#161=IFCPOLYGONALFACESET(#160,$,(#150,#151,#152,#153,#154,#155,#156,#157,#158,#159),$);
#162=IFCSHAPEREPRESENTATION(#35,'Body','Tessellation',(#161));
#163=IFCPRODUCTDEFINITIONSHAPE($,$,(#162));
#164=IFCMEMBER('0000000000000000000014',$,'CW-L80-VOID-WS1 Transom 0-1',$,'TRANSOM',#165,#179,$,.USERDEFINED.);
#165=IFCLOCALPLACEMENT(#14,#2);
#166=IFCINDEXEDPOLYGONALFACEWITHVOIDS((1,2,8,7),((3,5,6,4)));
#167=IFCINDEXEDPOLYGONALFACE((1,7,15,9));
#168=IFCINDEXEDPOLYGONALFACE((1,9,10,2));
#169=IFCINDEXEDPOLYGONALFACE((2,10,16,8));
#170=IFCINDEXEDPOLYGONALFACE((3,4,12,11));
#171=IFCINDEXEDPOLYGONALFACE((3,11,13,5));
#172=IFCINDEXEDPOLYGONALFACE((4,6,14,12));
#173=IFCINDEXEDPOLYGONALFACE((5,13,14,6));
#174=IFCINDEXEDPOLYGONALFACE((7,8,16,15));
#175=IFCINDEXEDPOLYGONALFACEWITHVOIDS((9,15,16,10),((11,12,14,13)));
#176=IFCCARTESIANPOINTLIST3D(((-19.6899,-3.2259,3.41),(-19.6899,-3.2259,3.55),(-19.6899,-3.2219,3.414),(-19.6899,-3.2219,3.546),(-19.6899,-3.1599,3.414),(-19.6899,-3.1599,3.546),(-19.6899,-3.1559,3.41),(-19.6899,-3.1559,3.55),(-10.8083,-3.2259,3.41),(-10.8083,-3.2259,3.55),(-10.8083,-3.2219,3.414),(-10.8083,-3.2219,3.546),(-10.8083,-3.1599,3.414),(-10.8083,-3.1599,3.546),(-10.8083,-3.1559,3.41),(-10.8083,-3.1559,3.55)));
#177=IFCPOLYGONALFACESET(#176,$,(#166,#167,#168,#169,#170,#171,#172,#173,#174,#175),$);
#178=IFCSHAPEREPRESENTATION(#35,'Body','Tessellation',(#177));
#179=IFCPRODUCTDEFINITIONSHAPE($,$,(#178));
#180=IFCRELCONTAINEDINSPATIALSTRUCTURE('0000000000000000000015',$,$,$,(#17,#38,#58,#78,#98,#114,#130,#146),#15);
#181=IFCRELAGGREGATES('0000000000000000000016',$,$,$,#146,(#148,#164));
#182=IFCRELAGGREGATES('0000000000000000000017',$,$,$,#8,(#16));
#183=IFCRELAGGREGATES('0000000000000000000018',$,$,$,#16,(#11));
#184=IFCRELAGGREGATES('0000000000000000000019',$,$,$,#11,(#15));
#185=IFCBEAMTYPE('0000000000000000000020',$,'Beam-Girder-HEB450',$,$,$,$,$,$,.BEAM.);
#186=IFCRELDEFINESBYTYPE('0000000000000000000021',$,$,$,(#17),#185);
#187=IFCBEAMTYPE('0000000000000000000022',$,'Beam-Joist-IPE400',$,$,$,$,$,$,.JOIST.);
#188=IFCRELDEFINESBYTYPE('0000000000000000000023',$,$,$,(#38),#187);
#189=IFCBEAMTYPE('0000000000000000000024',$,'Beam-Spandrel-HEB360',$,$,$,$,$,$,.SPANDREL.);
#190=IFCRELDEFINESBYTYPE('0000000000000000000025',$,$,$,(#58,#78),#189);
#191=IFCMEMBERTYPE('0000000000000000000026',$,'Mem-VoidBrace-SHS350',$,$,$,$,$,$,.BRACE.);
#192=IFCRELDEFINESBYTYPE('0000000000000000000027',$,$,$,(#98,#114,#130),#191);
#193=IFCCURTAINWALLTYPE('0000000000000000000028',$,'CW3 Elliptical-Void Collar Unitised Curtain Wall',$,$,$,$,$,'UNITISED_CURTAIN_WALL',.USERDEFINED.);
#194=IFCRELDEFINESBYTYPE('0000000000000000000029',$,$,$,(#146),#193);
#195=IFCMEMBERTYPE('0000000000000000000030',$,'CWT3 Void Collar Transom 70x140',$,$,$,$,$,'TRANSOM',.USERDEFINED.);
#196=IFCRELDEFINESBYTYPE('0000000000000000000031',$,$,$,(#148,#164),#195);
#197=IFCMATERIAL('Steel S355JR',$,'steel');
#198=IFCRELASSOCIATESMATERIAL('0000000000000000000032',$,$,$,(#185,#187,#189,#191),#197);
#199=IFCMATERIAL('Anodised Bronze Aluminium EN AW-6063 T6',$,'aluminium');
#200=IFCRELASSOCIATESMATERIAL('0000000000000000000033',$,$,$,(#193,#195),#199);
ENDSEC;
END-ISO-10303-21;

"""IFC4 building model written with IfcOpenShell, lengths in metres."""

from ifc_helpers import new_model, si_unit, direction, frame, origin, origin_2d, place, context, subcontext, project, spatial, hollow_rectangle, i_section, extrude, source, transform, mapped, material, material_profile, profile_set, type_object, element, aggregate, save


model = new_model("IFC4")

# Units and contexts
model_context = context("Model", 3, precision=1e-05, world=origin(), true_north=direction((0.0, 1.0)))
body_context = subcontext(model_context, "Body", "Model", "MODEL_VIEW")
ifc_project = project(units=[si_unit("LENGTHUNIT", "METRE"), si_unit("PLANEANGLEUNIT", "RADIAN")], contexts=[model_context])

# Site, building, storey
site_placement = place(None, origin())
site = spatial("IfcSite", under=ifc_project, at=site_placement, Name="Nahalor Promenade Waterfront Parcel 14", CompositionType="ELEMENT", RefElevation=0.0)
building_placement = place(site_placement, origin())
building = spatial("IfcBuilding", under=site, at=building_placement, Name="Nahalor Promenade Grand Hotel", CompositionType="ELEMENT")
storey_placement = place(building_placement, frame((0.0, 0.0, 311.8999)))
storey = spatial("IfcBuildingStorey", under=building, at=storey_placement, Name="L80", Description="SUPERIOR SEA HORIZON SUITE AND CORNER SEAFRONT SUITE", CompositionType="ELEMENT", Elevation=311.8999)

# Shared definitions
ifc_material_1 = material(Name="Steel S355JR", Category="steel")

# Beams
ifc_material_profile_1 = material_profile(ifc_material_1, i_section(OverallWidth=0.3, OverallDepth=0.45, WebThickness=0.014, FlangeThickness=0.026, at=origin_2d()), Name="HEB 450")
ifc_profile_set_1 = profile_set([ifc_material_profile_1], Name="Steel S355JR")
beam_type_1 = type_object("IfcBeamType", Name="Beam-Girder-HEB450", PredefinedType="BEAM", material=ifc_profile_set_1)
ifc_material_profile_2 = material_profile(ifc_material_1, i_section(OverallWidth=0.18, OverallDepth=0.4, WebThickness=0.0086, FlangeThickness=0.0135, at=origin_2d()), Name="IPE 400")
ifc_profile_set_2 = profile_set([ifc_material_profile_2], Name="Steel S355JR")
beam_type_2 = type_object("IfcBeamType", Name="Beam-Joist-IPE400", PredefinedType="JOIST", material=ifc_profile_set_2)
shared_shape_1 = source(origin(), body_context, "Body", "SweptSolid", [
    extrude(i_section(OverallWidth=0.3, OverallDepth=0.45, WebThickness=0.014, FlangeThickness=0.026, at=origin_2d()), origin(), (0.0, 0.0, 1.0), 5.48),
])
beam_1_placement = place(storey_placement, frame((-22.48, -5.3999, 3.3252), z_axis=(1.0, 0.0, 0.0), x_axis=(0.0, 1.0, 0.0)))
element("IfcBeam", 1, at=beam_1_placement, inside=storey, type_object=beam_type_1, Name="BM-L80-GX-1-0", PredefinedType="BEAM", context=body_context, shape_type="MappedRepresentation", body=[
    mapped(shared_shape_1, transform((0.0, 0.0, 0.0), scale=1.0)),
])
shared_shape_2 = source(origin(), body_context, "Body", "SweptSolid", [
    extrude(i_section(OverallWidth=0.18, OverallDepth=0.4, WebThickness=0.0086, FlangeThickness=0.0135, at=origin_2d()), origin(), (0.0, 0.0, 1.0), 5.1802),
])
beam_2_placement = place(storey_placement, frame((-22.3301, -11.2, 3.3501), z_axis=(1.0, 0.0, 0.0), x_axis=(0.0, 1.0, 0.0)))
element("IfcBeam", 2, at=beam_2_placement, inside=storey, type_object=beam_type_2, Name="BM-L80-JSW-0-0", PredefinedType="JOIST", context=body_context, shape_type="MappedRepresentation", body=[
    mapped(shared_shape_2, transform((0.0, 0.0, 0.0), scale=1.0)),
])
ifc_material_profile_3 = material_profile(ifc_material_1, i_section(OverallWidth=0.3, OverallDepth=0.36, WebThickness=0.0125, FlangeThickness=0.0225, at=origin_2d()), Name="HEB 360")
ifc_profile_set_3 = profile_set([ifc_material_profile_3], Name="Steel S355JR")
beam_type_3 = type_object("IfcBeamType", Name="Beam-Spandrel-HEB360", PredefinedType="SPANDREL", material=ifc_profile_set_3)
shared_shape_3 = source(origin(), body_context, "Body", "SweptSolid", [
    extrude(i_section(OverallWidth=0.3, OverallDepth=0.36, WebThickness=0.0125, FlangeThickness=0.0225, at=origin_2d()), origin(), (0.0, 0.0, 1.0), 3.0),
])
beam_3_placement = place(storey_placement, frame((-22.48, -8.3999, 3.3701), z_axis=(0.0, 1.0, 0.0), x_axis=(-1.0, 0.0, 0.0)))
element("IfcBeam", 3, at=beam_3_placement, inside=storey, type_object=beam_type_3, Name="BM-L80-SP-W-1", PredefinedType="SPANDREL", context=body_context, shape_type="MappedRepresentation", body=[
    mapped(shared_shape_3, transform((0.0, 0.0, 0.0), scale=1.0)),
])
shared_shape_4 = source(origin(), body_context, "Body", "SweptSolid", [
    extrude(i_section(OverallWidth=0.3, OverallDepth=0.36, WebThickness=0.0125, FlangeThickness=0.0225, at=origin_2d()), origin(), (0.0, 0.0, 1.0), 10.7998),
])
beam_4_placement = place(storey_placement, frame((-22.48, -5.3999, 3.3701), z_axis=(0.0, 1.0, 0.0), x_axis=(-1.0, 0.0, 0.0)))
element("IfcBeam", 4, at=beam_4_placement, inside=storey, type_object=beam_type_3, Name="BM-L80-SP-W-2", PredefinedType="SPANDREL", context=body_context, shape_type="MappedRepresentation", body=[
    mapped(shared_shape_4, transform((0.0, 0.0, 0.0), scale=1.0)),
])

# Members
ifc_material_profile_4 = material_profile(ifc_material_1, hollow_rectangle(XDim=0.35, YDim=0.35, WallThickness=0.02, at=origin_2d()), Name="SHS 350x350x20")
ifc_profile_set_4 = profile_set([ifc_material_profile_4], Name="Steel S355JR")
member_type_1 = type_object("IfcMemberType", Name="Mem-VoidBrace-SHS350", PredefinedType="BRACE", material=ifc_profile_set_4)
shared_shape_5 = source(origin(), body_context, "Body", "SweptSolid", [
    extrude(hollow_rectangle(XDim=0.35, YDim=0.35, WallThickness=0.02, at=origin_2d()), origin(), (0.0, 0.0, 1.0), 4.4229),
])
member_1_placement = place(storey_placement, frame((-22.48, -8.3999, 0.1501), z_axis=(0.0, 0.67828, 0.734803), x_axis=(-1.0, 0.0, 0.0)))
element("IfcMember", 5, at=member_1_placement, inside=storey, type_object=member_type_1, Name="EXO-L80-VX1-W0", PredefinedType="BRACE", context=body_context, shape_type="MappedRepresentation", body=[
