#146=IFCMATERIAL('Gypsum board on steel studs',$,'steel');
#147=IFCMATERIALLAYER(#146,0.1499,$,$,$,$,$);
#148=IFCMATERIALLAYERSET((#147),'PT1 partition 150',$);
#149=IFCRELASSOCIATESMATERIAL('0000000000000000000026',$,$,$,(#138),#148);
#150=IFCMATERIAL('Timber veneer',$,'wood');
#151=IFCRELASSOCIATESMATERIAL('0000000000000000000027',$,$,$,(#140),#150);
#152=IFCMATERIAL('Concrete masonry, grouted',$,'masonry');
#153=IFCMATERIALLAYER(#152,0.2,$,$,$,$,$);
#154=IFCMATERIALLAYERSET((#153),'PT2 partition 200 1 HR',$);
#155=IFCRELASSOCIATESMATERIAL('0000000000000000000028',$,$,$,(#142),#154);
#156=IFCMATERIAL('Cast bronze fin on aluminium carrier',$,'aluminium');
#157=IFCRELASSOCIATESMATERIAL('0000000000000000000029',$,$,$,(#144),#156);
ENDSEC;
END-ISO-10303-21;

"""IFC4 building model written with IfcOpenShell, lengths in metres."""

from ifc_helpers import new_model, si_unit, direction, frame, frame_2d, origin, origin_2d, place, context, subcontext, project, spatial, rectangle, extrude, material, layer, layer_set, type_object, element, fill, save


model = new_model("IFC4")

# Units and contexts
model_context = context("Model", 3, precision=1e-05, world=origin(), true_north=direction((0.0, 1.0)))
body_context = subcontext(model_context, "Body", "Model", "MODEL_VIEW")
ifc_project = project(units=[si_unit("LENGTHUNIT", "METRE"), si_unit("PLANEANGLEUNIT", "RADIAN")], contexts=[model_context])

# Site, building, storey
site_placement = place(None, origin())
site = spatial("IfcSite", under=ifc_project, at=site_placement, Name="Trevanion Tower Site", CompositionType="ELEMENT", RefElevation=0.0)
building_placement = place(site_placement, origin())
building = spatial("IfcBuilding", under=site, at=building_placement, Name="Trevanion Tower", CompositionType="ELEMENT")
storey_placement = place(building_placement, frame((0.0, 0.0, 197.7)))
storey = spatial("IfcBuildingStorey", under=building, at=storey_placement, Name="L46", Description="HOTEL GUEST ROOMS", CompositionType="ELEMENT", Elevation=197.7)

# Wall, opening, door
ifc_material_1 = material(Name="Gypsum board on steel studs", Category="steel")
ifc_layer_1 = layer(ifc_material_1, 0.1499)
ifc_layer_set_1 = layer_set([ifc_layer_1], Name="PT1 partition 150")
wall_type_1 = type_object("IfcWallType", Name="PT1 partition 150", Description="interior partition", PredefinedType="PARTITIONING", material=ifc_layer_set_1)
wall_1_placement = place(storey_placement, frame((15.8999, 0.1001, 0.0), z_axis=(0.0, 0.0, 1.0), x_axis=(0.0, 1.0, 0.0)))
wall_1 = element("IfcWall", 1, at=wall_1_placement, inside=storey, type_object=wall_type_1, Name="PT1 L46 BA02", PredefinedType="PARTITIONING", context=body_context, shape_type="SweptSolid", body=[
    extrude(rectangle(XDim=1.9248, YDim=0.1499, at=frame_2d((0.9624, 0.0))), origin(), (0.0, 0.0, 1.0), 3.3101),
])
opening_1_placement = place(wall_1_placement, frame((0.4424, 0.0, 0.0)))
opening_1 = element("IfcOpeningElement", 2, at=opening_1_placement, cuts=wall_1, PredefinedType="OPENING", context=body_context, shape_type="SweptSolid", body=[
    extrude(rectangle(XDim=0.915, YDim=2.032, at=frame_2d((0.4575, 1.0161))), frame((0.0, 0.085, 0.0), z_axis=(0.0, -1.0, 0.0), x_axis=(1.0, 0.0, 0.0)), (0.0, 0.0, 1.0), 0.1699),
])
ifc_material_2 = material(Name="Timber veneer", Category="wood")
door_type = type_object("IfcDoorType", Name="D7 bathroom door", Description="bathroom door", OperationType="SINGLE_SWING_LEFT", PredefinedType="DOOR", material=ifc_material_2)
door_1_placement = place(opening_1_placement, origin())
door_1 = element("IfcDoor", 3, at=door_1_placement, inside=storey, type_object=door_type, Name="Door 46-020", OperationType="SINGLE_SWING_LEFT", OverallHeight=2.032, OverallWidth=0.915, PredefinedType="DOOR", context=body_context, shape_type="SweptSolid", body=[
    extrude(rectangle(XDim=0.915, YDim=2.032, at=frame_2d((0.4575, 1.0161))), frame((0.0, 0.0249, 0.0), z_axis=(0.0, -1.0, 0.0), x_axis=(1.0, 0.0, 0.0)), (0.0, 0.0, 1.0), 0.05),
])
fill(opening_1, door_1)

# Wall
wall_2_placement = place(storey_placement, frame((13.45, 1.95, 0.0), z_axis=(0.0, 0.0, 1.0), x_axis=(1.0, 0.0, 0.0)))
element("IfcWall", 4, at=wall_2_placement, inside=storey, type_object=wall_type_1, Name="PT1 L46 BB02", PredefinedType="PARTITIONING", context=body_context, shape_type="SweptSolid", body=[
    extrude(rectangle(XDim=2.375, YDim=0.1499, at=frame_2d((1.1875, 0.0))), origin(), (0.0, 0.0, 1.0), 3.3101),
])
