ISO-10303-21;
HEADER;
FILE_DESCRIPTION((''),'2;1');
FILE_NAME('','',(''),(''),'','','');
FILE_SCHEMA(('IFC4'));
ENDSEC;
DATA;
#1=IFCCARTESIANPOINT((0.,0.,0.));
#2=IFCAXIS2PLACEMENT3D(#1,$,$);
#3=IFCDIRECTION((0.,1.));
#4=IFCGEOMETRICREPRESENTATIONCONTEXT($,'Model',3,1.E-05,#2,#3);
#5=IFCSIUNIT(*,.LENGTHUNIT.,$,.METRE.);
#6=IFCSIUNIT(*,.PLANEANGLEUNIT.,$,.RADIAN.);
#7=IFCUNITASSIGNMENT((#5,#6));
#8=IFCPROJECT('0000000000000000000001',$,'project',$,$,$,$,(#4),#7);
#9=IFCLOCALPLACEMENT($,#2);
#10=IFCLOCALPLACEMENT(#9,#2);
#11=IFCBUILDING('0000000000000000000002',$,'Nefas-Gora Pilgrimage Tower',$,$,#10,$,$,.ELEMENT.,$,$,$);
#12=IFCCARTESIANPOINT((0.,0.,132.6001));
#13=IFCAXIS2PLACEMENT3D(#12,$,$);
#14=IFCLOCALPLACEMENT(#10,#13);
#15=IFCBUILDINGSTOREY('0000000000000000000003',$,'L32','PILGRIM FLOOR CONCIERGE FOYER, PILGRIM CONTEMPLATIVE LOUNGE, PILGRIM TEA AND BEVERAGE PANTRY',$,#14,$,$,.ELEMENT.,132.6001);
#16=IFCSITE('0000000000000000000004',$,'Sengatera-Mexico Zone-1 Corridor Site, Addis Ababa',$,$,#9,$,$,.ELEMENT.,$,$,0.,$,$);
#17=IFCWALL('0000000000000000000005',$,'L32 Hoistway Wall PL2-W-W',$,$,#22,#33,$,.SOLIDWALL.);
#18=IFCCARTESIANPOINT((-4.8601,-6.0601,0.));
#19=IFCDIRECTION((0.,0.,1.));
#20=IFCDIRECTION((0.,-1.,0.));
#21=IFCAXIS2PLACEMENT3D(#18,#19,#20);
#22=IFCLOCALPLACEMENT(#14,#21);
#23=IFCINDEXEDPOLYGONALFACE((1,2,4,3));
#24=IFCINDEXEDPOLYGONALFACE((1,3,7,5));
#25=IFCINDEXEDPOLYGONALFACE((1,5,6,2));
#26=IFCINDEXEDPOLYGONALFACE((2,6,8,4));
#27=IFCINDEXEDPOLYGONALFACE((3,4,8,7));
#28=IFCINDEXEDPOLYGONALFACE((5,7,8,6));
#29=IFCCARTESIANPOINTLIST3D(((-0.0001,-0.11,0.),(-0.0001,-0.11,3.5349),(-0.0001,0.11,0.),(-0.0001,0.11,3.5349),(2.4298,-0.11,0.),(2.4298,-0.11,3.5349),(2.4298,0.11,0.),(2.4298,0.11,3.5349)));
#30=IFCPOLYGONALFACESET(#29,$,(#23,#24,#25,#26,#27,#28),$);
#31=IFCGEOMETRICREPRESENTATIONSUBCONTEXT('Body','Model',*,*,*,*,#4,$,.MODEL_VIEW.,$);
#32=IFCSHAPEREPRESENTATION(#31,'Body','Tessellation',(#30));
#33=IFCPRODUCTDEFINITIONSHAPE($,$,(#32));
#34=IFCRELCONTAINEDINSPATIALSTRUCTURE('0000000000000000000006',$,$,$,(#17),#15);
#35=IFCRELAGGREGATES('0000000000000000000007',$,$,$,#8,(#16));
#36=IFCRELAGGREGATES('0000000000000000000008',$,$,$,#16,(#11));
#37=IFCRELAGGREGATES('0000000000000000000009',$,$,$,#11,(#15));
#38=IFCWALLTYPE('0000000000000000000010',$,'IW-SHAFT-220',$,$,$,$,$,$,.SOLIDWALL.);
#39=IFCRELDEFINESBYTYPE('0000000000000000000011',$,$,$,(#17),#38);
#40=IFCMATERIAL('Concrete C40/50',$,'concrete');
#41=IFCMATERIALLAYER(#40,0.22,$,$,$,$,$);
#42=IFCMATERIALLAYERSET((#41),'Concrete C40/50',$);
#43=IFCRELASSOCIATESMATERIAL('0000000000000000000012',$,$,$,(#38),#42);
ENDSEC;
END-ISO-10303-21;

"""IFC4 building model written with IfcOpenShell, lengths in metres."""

from ifc_helpers import new_model, si_unit, direction, frame, frame_2d, origin, place, context, subcontext, project, spatial, rectangle, extrude, source, transform, mapped, material, layer, layer_set, type_object, element, save


model = new_model("IFC4")

# Units and contexts
model_context = context("Model", 3, precision=1e-05, world=origin(), true_north=direction((0.0, 1.0)))
body_context = subcontext(model_context, "Body", "Model", "MODEL_VIEW")
ifc_project = project(units=[si_unit("LENGTHUNIT", "METRE"), si_unit("PLANEANGLEUNIT", "RADIAN")], contexts=[model_context])

# Site, building, storey
site_placement = place(None, origin())
site = spatial("IfcSite", under=ifc_project, at=site_placement, Name="Sengatera-Mexico Zone-1 Corridor Site, Addis Ababa", CompositionType="ELEMENT", RefElevation=0.0)
building_placement = place(site_placement, origin())
building = spatial("IfcBuilding", under=site, at=building_placement, Name="Nefas-Gora Pilgrimage Tower", CompositionType="ELEMENT")
storey_placement = place(building_placement, frame((0.0, 0.0, 132.6001)))
storey = spatial("IfcBuildingStorey", under=building, at=storey_placement, Name="L32", Description="PILGRIM FLOOR CONCIERGE FOYER, PILGRIM CONTEMPLATIVE LOUNGE, PILGRIM TEA AND BEVERAGE PANTRY", CompositionType="ELEMENT", Elevation=132.6001)

# Wall
ifc_material_1 = material(Name="Concrete C40/50", Category="concrete")
ifc_layer_1 = layer(ifc_material_1, 0.22)
ifc_layer_set_1 = layer_set([ifc_layer_1], Name="Concrete C40/50")
wall_type_1 = type_object("IfcWallType", Name="IW-SHAFT-220", PredefinedType="SOLIDWALL", material=ifc_layer_set_1)
shared_shape_1 = source(origin(), body_context, "Body", "SweptSolid", [
    extrude(rectangle(XDim=2.4299, YDim=0.22, at=frame_2d((1.2148, 0.0))), origin(), (0.0, 0.0, 1.0), 3.5349),
])
for number, where, z_axis, x_axis, name in (
    (1, (-4.8601, -6.0601, 0.0), (0.0, 0.0, 1.0), (0.0, -1.0, 0.0), "L32 Hoistway Wall PL2-W-W"),
):
    element("IfcWall", number, at=place(storey_placement, frame(where, z_axis=z_axis, x_axis=x_axis)), inside=storey, type_object=wall_type_1, Name=name, PredefinedType="SOLIDWALL", context=body_context, shape_type="MappedRepresentation", body=[
        mapped(shared_shape_1, transform((0.0, 0.0, 0.0), x_axis=(1.0, 0.0, 0.0), y_axis=(0.0, 1.0, 0.0), z_axis=(0.0, 0.0, 1.0), scale=1.0)),
    ])

save(model, "model.ifc")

● EXERCISE DESCRIPTION
The word "IFCPOLYGONALFACESET" is the filter: copy every line of the listing above that contains it.

● SOLUTION
#161=IFCPOLYGONALFACESET(#160,$,(#150,#151,#152,#153,#154,#155,#156,#157,#158,#159),$);
#177=IFCPOLYGONALFACESET(#176,$,(#166,#167,#168,#169,#170,#171,#172,#173,#174,#175),$);
#30=IFCPOLYGONALFACESET(#29,$,(#23,#24,#25,#26,#27,#28),$);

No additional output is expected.